## TASK PROMPT
Pull each line containing "spatial" out of the listing below.

## RECORDED DATA
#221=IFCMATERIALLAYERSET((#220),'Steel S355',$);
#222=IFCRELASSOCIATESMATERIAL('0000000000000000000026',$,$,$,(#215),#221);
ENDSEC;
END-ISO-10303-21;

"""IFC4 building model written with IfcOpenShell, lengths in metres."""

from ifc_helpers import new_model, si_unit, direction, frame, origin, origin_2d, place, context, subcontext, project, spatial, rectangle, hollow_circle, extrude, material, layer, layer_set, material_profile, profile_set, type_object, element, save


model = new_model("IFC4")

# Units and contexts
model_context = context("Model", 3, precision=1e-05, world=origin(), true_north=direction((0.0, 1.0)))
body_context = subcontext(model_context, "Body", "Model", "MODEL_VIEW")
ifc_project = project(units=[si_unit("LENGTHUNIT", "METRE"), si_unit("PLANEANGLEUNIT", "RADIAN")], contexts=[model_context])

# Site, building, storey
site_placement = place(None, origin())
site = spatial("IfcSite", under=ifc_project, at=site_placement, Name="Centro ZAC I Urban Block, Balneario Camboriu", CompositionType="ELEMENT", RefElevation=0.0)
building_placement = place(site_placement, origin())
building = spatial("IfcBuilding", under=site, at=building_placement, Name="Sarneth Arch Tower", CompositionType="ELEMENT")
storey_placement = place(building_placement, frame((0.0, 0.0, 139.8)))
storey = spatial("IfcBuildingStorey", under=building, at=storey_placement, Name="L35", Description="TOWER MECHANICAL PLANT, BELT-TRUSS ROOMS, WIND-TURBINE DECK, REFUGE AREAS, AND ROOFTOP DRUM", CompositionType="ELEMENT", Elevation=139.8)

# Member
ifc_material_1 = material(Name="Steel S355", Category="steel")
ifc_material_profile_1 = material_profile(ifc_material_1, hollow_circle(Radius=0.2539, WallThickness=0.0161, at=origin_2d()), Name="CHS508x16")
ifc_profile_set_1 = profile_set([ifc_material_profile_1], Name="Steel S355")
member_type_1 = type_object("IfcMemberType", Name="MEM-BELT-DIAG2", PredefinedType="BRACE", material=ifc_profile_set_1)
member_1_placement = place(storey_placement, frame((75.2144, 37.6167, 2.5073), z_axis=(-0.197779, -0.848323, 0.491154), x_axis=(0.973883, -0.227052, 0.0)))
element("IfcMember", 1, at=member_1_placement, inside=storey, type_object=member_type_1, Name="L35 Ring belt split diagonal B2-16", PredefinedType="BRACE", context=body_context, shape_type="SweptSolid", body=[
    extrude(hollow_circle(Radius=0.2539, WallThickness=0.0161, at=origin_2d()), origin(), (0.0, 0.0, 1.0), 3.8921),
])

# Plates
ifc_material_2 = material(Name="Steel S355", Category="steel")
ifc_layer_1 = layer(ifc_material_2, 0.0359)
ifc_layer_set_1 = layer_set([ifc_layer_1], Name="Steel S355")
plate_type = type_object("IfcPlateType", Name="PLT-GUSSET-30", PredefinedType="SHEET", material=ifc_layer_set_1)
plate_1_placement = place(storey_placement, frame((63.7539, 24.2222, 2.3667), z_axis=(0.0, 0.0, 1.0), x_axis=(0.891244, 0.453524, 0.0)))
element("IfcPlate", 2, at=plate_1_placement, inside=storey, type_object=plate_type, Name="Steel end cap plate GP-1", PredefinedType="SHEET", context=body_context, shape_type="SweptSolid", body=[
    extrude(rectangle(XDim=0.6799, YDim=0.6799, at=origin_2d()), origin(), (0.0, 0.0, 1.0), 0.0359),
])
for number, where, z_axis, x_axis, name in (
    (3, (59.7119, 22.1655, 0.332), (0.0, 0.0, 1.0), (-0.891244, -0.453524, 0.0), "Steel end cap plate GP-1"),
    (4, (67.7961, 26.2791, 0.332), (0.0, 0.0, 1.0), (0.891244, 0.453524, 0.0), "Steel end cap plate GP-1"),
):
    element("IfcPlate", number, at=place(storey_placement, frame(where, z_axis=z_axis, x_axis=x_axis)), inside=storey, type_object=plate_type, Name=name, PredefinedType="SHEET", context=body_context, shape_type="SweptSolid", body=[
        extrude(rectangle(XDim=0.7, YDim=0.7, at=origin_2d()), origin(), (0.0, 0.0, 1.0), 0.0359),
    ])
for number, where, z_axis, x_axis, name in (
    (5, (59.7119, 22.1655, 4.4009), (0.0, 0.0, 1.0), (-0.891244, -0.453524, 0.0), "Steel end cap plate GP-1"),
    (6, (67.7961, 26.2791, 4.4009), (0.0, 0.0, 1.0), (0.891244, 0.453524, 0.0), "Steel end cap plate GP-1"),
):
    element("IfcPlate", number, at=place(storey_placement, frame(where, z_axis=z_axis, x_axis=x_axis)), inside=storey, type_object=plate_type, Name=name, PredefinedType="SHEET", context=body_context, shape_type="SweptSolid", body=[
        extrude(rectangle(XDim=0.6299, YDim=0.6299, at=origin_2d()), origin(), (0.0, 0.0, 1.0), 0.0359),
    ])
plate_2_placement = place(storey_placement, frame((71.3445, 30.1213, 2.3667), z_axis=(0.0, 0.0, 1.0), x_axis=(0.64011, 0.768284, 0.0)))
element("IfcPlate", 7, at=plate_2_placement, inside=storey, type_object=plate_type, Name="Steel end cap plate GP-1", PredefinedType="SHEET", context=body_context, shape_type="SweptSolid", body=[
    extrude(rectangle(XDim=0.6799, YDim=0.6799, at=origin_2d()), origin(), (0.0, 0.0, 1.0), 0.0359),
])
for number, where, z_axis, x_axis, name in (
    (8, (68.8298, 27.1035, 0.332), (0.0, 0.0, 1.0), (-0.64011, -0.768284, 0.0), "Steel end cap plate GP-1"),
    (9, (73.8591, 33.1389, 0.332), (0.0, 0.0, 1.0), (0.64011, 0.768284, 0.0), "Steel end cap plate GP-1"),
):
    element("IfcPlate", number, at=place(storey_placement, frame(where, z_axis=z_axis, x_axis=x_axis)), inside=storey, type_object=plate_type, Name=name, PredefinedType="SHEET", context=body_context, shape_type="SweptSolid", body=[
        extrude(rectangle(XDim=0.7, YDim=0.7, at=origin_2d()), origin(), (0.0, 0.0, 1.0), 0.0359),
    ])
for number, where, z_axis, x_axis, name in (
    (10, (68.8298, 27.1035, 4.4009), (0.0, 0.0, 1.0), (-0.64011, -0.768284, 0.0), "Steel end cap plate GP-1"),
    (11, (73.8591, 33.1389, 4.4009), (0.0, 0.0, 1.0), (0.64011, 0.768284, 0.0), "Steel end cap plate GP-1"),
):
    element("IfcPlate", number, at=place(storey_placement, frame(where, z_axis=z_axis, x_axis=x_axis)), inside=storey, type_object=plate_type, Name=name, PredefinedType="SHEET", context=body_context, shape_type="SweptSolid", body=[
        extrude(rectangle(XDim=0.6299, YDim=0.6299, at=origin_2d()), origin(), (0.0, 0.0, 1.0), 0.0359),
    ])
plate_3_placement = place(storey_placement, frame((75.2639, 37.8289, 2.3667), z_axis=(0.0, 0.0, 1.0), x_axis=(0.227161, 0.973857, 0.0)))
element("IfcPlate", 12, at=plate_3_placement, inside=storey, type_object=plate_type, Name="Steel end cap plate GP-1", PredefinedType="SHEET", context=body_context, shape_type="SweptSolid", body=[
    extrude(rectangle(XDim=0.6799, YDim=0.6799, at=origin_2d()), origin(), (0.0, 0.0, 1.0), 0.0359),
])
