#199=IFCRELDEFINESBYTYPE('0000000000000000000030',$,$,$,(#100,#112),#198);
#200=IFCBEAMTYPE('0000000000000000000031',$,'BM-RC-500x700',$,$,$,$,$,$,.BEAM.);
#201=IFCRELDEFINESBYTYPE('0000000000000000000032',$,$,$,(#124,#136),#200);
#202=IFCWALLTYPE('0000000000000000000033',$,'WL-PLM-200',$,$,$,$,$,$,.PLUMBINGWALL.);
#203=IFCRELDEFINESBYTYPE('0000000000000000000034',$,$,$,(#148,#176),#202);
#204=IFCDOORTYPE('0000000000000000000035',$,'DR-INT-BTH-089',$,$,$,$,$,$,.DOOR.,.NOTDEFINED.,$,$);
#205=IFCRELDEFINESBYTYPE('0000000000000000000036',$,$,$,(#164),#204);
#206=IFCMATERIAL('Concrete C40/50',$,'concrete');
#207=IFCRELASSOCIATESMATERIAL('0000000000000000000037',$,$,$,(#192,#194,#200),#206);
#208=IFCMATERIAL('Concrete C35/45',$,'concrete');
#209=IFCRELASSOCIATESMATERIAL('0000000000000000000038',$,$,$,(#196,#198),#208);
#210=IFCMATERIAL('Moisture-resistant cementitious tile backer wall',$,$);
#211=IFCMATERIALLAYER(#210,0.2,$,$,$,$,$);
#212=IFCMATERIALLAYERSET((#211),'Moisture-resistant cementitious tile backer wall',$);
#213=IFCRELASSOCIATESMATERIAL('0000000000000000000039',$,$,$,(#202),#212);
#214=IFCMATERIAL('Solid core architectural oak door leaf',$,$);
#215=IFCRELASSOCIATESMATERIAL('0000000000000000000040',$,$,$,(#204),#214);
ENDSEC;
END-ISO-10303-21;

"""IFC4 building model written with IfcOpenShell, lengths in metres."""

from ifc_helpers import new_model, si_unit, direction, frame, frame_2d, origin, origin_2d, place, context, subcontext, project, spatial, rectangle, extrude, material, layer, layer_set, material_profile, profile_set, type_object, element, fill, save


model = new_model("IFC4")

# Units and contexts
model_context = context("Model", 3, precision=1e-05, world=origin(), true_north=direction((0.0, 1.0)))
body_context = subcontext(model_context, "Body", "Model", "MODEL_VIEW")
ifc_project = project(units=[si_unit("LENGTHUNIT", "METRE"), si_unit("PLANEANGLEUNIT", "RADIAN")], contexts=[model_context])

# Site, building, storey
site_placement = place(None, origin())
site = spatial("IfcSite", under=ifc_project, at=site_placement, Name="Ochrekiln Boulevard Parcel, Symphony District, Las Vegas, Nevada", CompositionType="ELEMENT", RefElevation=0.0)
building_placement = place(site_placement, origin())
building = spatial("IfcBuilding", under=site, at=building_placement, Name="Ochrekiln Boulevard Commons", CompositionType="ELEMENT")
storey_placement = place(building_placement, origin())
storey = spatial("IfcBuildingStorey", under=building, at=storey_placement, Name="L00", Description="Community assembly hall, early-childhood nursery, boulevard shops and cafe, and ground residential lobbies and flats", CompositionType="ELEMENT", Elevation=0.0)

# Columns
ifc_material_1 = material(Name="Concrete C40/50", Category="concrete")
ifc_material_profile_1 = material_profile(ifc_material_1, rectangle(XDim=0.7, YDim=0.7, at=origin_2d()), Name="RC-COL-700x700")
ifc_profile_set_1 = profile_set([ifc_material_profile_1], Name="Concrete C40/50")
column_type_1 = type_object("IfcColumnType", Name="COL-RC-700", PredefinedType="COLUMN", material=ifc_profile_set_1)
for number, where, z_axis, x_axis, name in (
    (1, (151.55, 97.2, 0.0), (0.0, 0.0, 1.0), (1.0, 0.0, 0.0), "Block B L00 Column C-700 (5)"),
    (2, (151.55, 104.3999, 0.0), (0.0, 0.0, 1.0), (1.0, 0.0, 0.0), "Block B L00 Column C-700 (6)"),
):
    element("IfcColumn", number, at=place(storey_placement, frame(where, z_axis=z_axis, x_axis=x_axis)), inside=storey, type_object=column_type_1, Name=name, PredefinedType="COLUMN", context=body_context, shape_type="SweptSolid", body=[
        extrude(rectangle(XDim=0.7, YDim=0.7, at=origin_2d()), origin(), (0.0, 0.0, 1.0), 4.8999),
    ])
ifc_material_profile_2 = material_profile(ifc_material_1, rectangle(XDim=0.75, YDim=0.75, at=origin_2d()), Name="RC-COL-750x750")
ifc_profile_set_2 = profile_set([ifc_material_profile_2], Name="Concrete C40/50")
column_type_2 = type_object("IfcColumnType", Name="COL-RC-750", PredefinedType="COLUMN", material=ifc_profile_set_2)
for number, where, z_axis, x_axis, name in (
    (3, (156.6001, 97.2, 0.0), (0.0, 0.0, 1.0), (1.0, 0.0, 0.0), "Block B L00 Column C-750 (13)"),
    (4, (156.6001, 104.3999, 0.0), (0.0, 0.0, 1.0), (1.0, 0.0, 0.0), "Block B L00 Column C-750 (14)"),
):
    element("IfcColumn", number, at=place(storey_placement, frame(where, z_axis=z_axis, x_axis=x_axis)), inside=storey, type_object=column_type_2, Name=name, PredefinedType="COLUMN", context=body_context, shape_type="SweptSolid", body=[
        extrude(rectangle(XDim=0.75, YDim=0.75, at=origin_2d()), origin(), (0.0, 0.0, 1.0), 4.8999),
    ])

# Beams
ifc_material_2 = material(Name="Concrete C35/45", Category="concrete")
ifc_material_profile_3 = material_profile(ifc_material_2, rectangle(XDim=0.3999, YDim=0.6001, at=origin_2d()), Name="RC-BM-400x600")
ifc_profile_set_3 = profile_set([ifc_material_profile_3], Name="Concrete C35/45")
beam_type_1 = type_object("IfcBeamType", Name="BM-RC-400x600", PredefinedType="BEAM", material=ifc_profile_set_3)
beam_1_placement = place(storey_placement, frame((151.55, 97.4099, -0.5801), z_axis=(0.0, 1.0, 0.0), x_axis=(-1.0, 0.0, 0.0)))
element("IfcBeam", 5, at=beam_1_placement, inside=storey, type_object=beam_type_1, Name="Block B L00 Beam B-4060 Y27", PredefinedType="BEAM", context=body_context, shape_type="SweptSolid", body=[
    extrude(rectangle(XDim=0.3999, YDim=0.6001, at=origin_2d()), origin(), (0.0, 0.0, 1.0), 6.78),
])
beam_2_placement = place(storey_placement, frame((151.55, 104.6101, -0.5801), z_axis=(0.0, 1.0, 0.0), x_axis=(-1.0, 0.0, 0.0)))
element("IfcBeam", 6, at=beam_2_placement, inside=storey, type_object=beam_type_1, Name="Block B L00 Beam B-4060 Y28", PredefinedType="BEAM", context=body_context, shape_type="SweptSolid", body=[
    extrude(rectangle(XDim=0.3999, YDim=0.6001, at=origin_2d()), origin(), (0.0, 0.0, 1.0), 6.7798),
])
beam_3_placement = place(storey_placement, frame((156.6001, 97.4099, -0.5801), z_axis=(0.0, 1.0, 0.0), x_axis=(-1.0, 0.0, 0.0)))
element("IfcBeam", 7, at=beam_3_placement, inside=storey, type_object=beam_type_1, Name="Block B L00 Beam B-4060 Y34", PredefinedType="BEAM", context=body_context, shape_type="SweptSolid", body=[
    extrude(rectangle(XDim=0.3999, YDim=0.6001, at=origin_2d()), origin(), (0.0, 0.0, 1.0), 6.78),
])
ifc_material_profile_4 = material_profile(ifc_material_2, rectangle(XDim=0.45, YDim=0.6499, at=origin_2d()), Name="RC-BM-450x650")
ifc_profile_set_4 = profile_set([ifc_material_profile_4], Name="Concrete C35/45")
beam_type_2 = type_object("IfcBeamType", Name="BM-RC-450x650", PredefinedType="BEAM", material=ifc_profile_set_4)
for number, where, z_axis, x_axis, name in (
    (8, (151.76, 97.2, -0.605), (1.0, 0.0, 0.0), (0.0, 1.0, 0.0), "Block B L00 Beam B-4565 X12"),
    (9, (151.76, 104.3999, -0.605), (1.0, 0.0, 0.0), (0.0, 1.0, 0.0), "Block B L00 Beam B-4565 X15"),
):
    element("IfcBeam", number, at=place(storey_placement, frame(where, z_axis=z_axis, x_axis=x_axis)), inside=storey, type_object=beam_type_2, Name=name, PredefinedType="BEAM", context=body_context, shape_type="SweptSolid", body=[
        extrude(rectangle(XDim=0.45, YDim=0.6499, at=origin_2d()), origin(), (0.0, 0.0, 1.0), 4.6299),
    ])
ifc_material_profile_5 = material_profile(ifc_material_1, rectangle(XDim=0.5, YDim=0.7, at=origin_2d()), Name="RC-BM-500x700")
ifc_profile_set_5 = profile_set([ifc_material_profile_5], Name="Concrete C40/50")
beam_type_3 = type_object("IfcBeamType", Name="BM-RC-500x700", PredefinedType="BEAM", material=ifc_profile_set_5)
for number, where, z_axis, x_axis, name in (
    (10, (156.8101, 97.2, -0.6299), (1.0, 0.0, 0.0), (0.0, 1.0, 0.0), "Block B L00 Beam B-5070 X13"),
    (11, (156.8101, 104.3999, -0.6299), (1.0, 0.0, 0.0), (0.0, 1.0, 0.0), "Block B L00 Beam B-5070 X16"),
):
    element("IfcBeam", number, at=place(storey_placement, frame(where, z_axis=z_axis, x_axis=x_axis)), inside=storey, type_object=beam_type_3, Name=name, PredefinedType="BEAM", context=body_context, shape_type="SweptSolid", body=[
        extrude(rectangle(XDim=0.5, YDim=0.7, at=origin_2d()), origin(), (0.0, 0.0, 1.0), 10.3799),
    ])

## RESPONSE BELOW
from ifc_helpers import new_model, si_unit, direction, frame, origin, origin_2d, place, context, subcontext, project, spatial, rectangle, hollow_circle, extrude, material, layer, layer_set, material_profile, profile_set, type_object, element, save
site = spatial("IfcSite", under=ifc_project, at=site_placement, Name="Centro ZAC I Urban Block, Balneario Camboriu", CompositionType="ELEMENT", RefElevation=0.0)
building = spatial("IfcBuilding", under=site, at=building_placement, Name="Sarneth Arch Tower", CompositionType="ELEMENT")
storey = spatial("IfcBuildingStorey", under=building, at=storey_placement, Name="L35", Description="TOWER MECHANICAL PLANT, BELT-TRUSS ROOMS, WIND-TURBINE DECK, REFUGE AREAS, AND ROOFTOP DRUM", CompositionType="ELEMENT", Elevation=139.8)
from ifc_helpers import new_model, si_unit, direction, frame, frame_2d, origin, origin_2d, place, context, subcontext, project, spatial, rectangle, extrude, material, layer, layer_set, material_profile, profile_set, type_object, element, fill, save
site = spatial("IfcSite", under=ifc_project, at=site_placement, Name="Ochrekiln Boulevard Parcel, Symphony District, Las Vegas, Nevada", CompositionType="ELEMENT", RefElevation=0.0)
building = spatial("IfcBuilding", under=site, at=building_placement, Name="Ochrekiln Boulevard Commons", CompositionType="ELEMENT")
storey = spatial("IfcBuildingStorey", under=building, at=storey_placement, Name="L00", Description="Community assembly hall, early-childhood nursery, boulevard shops and cafe, and ground residential lobbies and flats", CompositionType="ELEMENT", Elevation=0.0)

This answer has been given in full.